Records from a data collection:
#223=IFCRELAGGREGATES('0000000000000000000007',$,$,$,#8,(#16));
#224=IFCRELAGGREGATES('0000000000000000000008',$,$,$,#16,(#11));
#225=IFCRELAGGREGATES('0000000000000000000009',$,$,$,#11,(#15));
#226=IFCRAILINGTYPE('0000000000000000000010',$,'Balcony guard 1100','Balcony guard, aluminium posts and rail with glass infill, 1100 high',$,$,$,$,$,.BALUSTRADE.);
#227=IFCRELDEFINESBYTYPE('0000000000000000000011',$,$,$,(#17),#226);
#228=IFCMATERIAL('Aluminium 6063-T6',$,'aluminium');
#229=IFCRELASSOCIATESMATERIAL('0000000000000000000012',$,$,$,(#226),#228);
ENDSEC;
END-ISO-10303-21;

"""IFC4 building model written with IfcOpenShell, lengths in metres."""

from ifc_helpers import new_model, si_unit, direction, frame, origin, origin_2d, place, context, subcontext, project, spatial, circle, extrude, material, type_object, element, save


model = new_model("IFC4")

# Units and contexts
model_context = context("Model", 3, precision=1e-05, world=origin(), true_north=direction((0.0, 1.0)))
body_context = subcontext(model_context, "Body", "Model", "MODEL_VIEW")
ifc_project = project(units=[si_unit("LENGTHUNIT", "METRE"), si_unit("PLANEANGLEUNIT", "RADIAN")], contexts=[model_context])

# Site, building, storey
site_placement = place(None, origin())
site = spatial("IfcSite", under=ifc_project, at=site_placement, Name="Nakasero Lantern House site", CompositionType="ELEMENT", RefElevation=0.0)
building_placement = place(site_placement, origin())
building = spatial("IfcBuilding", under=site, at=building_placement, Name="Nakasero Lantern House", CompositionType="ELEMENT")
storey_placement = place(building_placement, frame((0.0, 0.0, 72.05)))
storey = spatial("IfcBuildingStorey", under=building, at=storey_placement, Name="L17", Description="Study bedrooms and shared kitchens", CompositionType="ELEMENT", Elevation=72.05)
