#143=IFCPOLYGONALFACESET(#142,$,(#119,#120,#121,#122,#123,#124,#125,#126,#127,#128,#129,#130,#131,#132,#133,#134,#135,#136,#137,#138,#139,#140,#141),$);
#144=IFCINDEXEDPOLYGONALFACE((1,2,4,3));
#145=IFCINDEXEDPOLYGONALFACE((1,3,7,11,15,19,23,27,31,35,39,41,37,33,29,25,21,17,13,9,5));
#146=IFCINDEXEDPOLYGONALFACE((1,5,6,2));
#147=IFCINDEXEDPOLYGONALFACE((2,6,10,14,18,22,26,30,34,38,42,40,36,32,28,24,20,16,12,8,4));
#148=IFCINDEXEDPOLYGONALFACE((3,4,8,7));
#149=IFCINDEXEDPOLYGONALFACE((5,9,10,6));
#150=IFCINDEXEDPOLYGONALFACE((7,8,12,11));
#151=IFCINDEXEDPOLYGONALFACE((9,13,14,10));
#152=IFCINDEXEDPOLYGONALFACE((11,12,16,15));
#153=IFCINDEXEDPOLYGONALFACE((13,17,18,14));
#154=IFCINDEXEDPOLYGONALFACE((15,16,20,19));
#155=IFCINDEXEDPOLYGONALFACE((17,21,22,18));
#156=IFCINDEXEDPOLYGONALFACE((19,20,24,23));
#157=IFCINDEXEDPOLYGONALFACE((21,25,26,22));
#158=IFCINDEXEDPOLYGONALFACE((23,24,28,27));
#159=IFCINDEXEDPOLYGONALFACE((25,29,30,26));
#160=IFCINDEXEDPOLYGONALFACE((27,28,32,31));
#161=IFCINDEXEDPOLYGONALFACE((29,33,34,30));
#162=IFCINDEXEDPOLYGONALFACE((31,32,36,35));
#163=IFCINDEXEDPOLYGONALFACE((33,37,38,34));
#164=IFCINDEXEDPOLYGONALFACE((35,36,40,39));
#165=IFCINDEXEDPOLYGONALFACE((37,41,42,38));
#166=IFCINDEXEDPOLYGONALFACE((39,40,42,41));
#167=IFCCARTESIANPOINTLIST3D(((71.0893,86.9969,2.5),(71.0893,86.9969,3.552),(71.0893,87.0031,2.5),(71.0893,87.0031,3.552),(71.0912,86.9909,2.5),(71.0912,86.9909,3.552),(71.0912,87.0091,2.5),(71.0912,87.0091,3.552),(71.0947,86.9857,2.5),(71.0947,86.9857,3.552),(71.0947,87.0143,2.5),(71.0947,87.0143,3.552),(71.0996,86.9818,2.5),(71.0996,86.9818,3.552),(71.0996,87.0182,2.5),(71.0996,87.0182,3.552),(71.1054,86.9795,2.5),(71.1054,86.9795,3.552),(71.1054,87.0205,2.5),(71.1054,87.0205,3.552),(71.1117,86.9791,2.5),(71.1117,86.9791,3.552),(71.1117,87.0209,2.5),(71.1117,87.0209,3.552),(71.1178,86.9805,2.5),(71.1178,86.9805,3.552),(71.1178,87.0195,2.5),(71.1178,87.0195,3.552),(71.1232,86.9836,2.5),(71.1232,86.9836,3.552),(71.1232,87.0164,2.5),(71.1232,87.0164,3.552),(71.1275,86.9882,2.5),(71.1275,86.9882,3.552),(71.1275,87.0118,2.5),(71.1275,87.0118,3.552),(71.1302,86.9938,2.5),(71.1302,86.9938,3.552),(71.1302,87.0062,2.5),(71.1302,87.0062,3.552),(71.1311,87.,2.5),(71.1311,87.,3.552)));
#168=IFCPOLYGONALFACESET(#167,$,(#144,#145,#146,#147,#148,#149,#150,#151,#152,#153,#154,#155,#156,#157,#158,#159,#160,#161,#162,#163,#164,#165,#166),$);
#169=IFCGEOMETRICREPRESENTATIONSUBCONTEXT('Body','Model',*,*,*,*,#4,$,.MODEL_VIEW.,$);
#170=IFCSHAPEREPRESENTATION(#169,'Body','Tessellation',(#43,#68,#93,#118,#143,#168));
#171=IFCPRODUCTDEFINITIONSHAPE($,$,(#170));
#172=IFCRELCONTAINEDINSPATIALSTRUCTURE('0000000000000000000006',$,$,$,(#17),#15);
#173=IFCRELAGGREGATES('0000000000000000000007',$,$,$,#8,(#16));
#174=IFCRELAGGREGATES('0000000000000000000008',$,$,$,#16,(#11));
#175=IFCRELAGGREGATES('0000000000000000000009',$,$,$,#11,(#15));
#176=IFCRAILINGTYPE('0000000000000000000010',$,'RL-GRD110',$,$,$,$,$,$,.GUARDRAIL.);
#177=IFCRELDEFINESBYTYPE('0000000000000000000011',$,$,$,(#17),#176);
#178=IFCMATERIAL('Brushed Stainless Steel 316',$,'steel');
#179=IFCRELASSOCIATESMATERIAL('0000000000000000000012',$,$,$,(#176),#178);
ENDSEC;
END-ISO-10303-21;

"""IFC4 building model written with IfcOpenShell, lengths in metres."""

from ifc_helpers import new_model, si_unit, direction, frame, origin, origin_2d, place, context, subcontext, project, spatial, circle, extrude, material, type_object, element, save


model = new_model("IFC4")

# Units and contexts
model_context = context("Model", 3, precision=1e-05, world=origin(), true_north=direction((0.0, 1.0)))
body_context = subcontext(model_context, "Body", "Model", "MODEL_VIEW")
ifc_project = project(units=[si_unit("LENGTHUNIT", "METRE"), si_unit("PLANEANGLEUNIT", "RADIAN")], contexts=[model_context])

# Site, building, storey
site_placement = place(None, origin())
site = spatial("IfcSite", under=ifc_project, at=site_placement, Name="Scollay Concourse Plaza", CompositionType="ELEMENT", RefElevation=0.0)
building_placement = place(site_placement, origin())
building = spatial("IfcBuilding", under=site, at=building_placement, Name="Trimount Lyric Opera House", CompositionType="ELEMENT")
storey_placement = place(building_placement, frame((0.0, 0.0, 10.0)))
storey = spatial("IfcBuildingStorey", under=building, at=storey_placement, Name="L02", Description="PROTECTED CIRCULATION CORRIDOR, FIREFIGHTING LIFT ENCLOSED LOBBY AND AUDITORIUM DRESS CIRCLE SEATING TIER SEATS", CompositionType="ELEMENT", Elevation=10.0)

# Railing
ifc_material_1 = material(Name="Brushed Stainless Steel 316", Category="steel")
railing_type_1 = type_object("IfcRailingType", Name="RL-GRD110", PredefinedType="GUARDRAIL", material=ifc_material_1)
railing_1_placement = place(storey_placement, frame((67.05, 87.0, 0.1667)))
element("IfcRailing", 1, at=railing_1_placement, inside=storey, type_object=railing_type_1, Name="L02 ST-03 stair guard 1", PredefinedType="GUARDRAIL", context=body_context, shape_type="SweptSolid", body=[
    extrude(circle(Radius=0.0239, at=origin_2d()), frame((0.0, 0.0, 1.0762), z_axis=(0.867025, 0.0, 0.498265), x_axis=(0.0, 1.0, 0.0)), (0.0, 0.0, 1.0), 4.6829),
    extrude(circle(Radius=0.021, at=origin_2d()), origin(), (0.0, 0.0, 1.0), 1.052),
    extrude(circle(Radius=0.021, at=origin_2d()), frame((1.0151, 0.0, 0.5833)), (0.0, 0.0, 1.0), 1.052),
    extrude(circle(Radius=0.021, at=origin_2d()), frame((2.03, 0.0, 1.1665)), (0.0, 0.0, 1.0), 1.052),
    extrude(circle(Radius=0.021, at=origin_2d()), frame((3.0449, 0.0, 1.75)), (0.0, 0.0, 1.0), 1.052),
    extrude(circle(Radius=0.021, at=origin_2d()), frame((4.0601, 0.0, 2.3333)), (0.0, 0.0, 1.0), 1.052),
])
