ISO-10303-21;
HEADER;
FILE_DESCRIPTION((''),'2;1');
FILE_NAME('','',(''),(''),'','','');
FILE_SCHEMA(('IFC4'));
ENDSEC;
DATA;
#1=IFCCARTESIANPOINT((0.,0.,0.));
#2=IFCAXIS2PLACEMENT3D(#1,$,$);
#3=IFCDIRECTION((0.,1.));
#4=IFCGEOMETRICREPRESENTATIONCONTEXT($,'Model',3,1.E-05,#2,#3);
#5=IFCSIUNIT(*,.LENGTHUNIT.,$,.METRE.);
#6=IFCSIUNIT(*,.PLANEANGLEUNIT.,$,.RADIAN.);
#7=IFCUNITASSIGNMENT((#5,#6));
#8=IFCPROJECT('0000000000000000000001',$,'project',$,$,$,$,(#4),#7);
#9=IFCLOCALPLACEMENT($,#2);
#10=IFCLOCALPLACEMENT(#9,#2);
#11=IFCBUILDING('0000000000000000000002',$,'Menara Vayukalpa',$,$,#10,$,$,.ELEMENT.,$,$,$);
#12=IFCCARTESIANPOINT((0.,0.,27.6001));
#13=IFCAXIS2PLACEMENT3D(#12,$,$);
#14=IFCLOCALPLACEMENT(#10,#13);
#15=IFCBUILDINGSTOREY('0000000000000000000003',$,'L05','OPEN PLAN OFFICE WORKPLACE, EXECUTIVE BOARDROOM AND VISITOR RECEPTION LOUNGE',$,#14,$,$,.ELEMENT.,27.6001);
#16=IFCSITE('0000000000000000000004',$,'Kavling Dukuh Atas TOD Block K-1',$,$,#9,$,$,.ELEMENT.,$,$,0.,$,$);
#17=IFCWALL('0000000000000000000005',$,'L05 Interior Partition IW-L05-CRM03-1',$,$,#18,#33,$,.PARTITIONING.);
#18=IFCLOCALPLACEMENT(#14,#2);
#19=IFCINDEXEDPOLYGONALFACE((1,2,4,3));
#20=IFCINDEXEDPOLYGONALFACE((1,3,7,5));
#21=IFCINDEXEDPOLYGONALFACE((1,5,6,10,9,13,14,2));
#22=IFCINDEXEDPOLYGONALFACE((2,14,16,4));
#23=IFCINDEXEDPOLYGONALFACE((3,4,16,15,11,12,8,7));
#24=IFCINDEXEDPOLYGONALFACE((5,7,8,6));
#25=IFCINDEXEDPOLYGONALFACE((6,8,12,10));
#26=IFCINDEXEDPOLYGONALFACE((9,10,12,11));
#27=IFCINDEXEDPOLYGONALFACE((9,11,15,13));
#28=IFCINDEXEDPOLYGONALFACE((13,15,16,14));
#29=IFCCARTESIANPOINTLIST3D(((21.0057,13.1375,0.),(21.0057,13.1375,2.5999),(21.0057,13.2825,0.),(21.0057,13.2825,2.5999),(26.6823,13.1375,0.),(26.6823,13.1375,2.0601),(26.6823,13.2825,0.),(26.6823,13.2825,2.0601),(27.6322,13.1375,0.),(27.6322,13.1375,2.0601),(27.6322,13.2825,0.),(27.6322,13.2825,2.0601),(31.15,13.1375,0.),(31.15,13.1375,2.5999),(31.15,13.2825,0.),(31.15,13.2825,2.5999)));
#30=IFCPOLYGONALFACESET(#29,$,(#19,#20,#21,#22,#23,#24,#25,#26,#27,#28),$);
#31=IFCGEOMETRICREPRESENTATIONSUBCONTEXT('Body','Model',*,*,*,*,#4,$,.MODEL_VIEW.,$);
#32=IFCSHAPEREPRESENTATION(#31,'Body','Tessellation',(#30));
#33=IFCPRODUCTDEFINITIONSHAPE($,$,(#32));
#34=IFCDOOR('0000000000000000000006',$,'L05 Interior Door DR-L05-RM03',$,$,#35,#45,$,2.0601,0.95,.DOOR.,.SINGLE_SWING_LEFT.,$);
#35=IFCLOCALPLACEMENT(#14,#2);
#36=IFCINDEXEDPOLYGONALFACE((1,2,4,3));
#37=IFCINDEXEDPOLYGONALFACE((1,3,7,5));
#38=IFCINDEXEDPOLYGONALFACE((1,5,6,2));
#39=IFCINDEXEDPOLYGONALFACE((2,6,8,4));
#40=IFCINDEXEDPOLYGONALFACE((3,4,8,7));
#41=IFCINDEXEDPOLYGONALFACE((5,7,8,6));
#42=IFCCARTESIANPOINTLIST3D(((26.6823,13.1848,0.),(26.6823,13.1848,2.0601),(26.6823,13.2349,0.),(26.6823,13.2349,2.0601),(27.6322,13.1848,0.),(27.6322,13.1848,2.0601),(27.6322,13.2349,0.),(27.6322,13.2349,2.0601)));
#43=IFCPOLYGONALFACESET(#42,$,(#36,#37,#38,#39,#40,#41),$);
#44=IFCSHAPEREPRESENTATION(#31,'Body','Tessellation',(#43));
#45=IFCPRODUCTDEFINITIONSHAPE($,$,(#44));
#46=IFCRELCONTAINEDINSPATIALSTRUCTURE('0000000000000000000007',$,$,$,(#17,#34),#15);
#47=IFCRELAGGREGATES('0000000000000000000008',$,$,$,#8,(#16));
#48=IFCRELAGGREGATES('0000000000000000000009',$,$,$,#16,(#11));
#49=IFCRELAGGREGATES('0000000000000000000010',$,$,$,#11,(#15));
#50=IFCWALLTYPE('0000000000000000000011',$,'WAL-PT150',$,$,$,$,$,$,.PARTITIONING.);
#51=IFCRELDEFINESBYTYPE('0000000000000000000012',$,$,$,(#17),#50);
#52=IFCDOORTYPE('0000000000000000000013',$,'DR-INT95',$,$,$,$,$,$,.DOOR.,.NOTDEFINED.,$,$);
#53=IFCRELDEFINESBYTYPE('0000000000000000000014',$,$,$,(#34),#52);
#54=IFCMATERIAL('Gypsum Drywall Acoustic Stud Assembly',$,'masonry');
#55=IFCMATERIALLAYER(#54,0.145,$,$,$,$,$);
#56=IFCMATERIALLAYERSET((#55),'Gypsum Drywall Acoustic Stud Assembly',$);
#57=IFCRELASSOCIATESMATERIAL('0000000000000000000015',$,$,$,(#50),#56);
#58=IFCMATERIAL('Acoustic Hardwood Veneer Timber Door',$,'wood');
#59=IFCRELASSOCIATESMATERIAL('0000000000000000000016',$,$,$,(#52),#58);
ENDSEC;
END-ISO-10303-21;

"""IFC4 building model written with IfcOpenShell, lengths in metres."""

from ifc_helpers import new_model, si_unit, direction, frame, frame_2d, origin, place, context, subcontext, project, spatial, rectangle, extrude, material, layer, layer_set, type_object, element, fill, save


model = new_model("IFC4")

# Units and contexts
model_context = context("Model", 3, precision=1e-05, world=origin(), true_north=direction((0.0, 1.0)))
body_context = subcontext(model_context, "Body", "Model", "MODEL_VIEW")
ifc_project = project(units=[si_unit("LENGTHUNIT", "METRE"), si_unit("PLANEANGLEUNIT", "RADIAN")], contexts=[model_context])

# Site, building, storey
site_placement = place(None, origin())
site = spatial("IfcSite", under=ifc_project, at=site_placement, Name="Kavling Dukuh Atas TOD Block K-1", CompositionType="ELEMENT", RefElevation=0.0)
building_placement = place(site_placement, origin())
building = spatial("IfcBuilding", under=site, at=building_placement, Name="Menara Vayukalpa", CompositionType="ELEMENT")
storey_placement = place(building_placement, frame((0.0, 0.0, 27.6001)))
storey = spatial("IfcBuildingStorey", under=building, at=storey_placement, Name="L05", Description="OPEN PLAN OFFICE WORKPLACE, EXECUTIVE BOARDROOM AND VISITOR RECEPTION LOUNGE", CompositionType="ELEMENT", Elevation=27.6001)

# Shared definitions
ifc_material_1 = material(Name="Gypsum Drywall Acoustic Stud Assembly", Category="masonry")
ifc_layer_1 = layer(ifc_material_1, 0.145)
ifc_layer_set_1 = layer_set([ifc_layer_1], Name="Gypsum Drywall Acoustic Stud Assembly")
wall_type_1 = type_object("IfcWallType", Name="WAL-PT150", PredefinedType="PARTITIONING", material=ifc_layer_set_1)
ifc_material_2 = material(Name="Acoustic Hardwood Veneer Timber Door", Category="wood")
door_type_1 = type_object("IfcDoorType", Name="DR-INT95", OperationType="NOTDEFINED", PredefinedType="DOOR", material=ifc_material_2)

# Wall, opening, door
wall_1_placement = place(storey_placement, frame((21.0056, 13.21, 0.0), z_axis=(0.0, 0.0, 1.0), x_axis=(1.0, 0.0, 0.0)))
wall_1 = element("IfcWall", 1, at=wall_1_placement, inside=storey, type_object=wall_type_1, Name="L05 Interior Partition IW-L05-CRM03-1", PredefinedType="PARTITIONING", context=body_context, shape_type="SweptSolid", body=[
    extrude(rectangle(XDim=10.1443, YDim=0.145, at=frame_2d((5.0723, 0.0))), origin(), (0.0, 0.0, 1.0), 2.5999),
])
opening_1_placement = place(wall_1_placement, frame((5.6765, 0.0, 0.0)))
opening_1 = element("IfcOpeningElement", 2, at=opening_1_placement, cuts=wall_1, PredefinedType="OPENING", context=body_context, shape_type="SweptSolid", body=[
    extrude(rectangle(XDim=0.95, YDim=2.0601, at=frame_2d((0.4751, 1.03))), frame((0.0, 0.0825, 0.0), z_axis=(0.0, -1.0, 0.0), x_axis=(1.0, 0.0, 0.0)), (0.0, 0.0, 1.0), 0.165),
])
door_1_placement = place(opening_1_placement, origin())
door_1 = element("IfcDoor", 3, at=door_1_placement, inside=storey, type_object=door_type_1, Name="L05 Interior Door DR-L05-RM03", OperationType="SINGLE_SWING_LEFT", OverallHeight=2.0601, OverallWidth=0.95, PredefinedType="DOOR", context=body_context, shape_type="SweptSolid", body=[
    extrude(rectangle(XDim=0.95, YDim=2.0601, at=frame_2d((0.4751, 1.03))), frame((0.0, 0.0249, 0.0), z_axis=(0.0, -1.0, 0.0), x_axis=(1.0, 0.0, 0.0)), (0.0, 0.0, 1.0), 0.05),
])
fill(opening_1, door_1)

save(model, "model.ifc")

* * *

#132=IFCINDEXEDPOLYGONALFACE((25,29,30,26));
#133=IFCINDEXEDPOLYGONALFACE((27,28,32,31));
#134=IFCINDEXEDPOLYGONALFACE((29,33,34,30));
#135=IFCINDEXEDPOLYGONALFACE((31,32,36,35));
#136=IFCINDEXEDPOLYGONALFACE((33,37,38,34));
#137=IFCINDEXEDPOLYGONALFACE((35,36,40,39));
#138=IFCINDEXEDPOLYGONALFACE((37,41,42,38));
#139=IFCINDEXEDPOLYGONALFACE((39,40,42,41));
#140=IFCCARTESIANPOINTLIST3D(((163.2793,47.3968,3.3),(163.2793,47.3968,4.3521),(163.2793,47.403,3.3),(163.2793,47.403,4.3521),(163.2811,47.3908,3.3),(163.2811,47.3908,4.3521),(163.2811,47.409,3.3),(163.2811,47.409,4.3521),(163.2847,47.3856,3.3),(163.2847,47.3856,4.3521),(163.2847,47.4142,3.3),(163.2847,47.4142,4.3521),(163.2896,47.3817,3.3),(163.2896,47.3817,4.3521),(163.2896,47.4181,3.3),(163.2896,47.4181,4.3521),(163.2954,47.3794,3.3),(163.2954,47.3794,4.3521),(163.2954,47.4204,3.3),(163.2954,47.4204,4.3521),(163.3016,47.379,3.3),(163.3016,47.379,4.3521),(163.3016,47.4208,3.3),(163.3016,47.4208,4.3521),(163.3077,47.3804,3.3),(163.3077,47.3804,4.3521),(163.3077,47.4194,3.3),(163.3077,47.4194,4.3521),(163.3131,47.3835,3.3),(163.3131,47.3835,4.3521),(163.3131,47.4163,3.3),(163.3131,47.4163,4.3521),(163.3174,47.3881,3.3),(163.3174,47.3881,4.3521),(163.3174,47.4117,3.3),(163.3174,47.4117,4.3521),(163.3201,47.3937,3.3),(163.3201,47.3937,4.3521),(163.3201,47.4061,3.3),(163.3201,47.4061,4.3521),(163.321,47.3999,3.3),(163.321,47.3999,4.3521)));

--

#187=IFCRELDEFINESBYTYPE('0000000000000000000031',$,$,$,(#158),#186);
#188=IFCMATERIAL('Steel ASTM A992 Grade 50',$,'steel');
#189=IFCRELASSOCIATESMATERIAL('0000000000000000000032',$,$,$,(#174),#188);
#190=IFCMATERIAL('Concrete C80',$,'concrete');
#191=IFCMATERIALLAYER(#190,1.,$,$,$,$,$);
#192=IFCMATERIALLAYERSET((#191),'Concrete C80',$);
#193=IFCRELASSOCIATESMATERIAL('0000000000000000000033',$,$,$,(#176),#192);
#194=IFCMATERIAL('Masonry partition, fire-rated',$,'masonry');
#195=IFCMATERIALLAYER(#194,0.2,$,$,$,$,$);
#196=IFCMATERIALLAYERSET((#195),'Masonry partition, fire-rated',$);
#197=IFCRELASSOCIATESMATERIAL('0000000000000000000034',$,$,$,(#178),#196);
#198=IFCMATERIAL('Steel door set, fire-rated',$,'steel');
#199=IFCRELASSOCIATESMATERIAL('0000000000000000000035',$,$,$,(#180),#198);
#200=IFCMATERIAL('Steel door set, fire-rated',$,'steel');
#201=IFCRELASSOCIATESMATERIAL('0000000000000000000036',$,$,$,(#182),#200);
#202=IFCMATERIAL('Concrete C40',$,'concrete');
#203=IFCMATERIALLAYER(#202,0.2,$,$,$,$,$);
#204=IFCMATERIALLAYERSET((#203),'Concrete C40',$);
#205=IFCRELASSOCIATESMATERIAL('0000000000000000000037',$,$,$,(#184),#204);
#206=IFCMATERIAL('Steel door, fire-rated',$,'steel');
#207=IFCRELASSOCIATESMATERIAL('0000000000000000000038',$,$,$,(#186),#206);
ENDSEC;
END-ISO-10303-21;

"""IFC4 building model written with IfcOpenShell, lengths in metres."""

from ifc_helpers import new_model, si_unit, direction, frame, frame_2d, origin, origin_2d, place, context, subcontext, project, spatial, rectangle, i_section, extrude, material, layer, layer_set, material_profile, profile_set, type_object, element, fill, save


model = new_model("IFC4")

* [PROBLEM TO WORK ON]:
Copy only this part of the entries above: the line with "#165=IFCINDEXEDPOLYGONALFACE((37,41,42,38));", the line with "#166=IFCINDEXEDPOLYGONALFACE((39,40,42,41));", and the lines between, all exactly as written.

* [SOLUTION TO THE PROBLEM]:
#165=IFCINDEXEDPOLYGONALFACE((37,41,42,38));
#166=IFCINDEXEDPOLYGONALFACE((39,40,42,41));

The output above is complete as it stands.